------ INFORMATION SHOWN
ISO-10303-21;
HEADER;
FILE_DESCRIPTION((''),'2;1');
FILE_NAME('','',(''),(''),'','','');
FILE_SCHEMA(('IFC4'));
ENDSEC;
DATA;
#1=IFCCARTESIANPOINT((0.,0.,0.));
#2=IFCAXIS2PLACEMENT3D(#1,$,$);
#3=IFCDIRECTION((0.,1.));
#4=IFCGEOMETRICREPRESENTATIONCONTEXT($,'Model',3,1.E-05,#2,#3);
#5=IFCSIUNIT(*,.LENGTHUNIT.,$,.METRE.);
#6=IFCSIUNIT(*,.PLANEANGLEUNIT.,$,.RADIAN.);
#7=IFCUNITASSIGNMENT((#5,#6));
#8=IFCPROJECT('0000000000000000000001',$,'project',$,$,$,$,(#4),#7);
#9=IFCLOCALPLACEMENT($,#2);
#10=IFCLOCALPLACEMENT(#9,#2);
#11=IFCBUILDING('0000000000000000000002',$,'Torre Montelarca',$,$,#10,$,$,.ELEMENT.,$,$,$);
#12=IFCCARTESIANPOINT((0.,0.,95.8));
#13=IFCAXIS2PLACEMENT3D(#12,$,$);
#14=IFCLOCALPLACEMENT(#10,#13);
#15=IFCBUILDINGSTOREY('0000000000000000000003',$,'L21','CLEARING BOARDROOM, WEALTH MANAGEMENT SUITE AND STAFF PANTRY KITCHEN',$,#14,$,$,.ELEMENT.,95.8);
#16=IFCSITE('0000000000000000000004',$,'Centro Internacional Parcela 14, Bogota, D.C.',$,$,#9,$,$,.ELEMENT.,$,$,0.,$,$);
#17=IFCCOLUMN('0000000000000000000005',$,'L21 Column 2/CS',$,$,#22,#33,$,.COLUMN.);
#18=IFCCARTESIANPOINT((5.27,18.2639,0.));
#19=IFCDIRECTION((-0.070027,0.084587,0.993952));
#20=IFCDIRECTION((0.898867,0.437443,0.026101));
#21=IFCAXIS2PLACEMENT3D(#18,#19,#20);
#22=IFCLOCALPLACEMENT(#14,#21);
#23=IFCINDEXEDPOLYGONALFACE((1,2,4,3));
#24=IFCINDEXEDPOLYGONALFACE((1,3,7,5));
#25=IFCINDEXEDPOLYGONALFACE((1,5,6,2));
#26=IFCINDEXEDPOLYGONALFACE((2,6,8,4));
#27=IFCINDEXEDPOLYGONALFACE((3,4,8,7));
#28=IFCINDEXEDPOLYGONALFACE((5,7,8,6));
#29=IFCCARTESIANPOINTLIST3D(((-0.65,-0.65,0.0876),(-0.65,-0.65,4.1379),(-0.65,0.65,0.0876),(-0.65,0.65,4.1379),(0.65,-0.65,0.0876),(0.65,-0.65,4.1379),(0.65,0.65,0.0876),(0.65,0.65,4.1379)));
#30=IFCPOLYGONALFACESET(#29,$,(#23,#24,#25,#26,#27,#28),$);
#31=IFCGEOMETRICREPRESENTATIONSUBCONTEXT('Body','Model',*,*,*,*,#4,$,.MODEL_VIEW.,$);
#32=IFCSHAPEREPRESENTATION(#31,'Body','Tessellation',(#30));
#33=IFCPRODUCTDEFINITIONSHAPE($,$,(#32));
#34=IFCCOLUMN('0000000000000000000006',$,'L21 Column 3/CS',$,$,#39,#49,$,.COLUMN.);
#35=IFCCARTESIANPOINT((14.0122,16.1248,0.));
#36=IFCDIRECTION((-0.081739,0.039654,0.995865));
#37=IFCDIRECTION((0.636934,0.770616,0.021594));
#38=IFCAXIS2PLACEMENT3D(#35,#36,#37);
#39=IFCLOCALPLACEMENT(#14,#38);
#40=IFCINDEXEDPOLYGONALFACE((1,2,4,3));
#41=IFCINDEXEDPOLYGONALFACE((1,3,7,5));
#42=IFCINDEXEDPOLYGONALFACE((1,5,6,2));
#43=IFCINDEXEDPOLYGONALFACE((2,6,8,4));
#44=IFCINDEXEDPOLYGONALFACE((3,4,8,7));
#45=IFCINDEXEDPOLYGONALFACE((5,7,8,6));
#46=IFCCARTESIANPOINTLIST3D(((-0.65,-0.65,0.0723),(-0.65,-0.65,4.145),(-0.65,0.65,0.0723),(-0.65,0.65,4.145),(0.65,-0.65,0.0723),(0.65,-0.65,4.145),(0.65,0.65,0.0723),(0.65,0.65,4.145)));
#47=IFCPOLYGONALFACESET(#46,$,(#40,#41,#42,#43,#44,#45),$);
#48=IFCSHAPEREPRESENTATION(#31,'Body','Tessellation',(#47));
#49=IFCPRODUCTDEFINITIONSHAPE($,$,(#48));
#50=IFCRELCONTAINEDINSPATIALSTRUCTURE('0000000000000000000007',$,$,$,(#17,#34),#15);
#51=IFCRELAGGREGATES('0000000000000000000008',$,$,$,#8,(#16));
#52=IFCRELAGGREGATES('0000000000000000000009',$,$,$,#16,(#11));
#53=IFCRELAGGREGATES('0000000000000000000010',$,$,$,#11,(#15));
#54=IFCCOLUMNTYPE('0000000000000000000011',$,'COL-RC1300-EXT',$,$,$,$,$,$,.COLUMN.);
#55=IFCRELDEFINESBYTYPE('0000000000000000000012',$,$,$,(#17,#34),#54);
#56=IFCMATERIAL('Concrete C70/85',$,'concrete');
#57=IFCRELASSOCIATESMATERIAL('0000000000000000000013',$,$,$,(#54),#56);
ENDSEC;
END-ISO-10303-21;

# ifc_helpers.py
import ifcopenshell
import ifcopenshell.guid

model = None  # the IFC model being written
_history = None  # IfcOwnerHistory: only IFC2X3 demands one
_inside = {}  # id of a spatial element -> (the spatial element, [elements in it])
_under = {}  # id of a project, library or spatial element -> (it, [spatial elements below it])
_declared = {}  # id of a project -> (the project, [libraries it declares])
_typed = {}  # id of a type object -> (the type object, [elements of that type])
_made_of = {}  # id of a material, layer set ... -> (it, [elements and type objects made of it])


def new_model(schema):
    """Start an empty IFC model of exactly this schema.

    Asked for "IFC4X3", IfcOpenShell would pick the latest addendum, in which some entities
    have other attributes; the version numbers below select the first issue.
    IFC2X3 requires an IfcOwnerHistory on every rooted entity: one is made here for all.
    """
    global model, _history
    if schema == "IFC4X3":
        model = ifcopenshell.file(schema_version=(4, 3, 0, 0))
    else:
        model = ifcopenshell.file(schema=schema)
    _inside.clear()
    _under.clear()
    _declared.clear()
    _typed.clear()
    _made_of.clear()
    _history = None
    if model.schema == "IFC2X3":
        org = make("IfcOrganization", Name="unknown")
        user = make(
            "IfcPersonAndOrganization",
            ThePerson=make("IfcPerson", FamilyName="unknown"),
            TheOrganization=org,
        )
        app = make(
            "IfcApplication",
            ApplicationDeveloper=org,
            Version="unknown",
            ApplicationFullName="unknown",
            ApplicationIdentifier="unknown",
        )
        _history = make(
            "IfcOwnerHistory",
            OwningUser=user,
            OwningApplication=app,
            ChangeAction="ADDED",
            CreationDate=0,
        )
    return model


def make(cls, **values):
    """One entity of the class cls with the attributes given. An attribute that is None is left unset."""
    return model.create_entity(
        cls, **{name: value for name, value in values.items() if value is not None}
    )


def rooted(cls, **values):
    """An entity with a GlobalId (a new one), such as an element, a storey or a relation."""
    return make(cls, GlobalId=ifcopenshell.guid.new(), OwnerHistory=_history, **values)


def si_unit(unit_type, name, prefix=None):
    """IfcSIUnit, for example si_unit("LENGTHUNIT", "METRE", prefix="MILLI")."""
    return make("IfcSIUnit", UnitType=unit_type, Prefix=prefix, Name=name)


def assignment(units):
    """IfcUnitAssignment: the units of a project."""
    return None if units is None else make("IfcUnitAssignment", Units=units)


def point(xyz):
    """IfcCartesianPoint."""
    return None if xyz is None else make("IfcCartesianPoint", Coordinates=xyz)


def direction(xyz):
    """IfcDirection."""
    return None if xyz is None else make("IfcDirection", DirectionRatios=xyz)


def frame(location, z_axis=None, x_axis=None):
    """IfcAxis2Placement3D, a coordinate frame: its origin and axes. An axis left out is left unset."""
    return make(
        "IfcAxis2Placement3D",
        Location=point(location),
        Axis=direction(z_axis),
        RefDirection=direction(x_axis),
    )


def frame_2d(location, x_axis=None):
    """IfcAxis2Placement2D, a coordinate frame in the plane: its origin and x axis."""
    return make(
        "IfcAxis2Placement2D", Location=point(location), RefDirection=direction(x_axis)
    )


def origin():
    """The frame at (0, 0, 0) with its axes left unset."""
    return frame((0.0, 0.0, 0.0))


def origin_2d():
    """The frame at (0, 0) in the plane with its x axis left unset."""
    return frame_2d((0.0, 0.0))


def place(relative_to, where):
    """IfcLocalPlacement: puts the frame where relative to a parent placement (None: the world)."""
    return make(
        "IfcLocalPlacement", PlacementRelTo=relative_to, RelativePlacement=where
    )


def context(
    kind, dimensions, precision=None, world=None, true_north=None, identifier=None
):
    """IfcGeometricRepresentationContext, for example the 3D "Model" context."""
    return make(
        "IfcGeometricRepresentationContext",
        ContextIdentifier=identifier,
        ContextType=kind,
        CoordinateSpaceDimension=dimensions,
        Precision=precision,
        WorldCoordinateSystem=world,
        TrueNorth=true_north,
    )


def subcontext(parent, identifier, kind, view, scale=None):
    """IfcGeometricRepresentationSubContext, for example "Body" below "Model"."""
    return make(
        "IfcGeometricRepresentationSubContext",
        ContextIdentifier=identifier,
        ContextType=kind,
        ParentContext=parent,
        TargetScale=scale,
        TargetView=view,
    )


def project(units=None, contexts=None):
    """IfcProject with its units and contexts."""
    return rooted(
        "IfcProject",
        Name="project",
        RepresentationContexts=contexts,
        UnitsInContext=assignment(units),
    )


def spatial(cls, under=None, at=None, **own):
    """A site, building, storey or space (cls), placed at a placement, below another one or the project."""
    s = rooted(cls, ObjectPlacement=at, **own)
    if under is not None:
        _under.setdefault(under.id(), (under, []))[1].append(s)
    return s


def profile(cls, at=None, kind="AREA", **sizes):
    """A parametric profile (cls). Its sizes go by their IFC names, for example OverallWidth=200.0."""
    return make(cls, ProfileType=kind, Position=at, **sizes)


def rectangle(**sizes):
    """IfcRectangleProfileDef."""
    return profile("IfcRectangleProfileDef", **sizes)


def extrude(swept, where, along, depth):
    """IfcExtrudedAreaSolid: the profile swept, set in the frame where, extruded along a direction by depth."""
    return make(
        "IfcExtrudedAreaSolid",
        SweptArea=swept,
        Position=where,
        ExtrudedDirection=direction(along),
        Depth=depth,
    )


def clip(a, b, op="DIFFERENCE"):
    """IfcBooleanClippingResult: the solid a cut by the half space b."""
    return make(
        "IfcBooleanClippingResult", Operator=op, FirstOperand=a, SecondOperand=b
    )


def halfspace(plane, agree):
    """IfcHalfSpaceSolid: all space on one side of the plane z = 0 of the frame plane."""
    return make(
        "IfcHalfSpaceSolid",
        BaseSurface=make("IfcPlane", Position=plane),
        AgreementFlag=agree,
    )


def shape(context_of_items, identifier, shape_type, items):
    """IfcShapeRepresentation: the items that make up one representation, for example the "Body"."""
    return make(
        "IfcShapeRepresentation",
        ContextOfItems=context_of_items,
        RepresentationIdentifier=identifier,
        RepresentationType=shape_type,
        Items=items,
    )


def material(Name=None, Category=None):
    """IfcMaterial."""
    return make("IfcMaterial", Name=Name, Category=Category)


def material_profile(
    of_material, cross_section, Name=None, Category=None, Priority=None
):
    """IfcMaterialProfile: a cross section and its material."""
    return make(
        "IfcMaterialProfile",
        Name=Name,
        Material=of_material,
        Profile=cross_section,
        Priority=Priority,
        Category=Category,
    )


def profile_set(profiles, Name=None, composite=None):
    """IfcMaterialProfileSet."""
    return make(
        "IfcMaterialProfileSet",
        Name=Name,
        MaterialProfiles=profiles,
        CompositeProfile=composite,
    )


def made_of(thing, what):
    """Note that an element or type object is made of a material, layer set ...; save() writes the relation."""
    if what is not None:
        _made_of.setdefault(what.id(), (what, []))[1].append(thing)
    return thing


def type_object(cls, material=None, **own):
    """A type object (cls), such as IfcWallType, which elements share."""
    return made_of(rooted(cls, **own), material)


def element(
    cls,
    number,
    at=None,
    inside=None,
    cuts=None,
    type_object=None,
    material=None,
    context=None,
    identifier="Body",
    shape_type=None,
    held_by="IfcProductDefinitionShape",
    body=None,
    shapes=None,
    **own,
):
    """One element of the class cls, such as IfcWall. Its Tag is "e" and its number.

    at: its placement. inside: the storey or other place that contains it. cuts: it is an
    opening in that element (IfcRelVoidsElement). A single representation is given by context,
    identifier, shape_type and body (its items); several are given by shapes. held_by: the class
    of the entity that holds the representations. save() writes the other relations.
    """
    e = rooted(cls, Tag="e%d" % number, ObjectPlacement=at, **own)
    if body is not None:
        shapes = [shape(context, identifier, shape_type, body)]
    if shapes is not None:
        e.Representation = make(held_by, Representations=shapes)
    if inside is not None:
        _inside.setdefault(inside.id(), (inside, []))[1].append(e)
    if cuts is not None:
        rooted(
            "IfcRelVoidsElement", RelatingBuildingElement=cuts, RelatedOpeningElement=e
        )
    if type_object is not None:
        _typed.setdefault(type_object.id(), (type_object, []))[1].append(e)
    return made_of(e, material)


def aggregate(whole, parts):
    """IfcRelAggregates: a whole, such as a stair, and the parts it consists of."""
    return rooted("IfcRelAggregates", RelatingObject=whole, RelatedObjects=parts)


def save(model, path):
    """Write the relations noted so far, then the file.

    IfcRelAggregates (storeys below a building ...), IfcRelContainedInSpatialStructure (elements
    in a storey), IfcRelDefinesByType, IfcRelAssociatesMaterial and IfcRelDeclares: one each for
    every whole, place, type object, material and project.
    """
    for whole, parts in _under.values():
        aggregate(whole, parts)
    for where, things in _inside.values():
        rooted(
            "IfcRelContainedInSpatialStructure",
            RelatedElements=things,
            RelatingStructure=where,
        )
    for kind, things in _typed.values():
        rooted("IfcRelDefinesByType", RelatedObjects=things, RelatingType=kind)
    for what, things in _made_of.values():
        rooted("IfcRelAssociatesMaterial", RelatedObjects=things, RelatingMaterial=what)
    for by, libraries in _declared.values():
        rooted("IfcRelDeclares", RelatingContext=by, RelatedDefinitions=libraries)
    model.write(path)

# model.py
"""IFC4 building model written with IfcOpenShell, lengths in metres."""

from ifc_helpers import new_model, si_unit, direction, frame, origin, origin_2d, place, context, subcontext, project, spatial, rectangle, extrude, clip, halfspace, material, material_profile, profile_set, type_object, element, save


model = new_model("IFC4")

# Units and contexts
model_context = context("Model", 3, precision=1e-05, world=origin(), true_north=direction((0.0, 1.0)))
body_context = subcontext(model_context, "Body", "Model", "MODEL_VIEW")
ifc_project = project(units=[si_unit("LENGTHUNIT", "METRE"), si_unit("PLANEANGLEUNIT", "RADIAN")], contexts=[model_context])

# Site, building, storey
site_placement = place(None, origin())
site = spatial("IfcSite", under=ifc_project, at=site_placement, Name="Centro Internacional Parcela 14, Bogota, D.C.", CompositionType="ELEMENT", RefElevation=0.0)
building_placement = place(site_placement, origin())
building = spatial("IfcBuilding", under=site, at=building_placement, Name="Torre Montelarca", CompositionType="ELEMENT")
storey_placement = place(building_placement, frame((0.0, 0.0, 95.8)))
storey = spatial("IfcBuildingStorey", under=building, at=storey_placement, Name="L21", Description="CLEARING BOARDROOM, WEALTH MANAGEMENT SUITE AND STAFF PANTRY KITCHEN", CompositionType="ELEMENT", Elevation=95.8)

# Columns
ifc_material_1 = material(Name="Concrete C70/85", Category="concrete")
ifc_material_profile_1 = material_profile(ifc_material_1, rectangle(XDim=1.3, YDim=1.3, at=origin_2d()), Name="RC1300X1300", Category="concrete")
ifc_profile_set_1 = profile_set([ifc_material_profile_1], Name="Concrete C70/85")
column_type = type_object("IfcColumnType", Name="COL-RC1300-EXT", PredefinedType="COLUMN", material=ifc_profile_set_1)
column_1_placement = place(storey_placement, frame((5.27, 18.2639, 0.0), z_axis=(-0.070027, 0.084587, 0.993952), x_axis=(0.898867, 0.437443, 0.026101)))
element("IfcColumn", 1, at=column_1_placement, inside=storey, type_object=column_type, Name="L21 Column 2/CS", PredefinedType="COLUMN", context=body_context, shape_type="Clipping", body=[
    clip(clip(extrude(rectangle(XDim=1.3, YDim=1.3, at=origin_2d()), origin(), (0.0, 0.0, 1.0), 4.2256), halfspace(frame((0.0, 0.0, 0.0876), z_axis=(0.0, 0.0, -1.0), x_axis=(1.0, 0.0, 0.0)), False)), halfspace(frame((0.0, 0.0, 4.1379), z_axis=(0.0, 0.0, 1.0), x_axis=(1.0, 0.0, 0.0)), False)),
])
column_2_placement = place(storey_placement, frame((14.0122, 16.1248, 0.0), z_axis=(-0.081739, 0.039654, 0.995865), x_axis=(0.636934, 0.770616, 0.021594)))
element("IfcColumn", 2, at=column_2_placement, inside=storey, type_object=column_type, Name="L21 Column 3/CS", PredefinedType="COLUMN", context=body_context, shape_type="Clipping", body=[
------------
> _PROBLEM REQUIREMENTS_:
Exactly as they appear, retype the lines from the start of the records through the line containing "#25=IFCINDEXEDPOLYGONALFACE((1,5,6,2));".

> _TASK RESULT_:
ISO-10303-21;
HEADER;
FILE_DESCRIPTION((''),'2;1');
FILE_NAME('','',(''),(''),'','','');
FILE_SCHEMA(('IFC4'));
ENDSEC;
DATA;
#1=IFCCARTESIANPOINT((0.,0.,0.));
#2=IFCAXIS2PLACEMENT3D(#1,$,$);
#3=IFCDIRECTION((0.,1.));
#4=IFCGEOMETRICREPRESENTATIONCONTEXT($,'Model',3,1.E-05,#2,#3);
#5=IFCSIUNIT(*,.LENGTHUNIT.,$,.METRE.);
#6=IFCSIUNIT(*,.PLANEANGLEUNIT.,$,.RADIAN.);
#7=IFCUNITASSIGNMENT((#5,#6));
#8=IFCPROJECT('0000000000000000000001',$,'project',$,$,$,$,(#4),#7);
#9=IFCLOCALPLACEMENT($,#2);
#10=IFCLOCALPLACEMENT(#9,#2);
#11=IFCBUILDING('0000000000000000000002',$,'Torre Montelarca',$,$,#10,$,$,.ELEMENT.,$,$,$);
#12=IFCCARTESIANPOINT((0.,0.,95.8));
#13=IFCAXIS2PLACEMENT3D(#12,$,$);
#14=IFCLOCALPLACEMENT(#10,#13);
#15=IFCBUILDINGSTOREY('0000000000000000000003',$,'L21','CLEARING BOARDROOM, WEALTH MANAGEMENT SUITE AND STAFF PANTRY KITCHEN',$,#14,$,$,.ELEMENT.,95.8);
#16=IFCSITE('0000000000000000000004',$,'Centro Internacional Parcela 14, Bogota, D.C.',$,$,#9,$,$,.ELEMENT.,$,$,0.,$,$);
#17=IFCCOLUMN('0000000000000000000005',$,'L21 Column 2/CS',$,$,#22,#33,$,.COLUMN.);
#18=IFCCARTESIANPOINT((5.27,18.2639,0.));
#19=IFCDIRECTION((-0.070027,0.084587,0.993952));
#20=IFCDIRECTION((0.898867,0.437443,0.026101));
#21=IFCAXIS2PLACEMENT3D(#18,#19,#20);
#22=IFCLOCALPLACEMENT(#14,#21);
#23=IFCINDEXEDPOLYGONALFACE((1,2,4,3));
#24=IFCINDEXEDPOLYGONALFACE((1,3,7,5));
#25=IFCINDEXEDPOLYGONALFACE((1,5,6,2));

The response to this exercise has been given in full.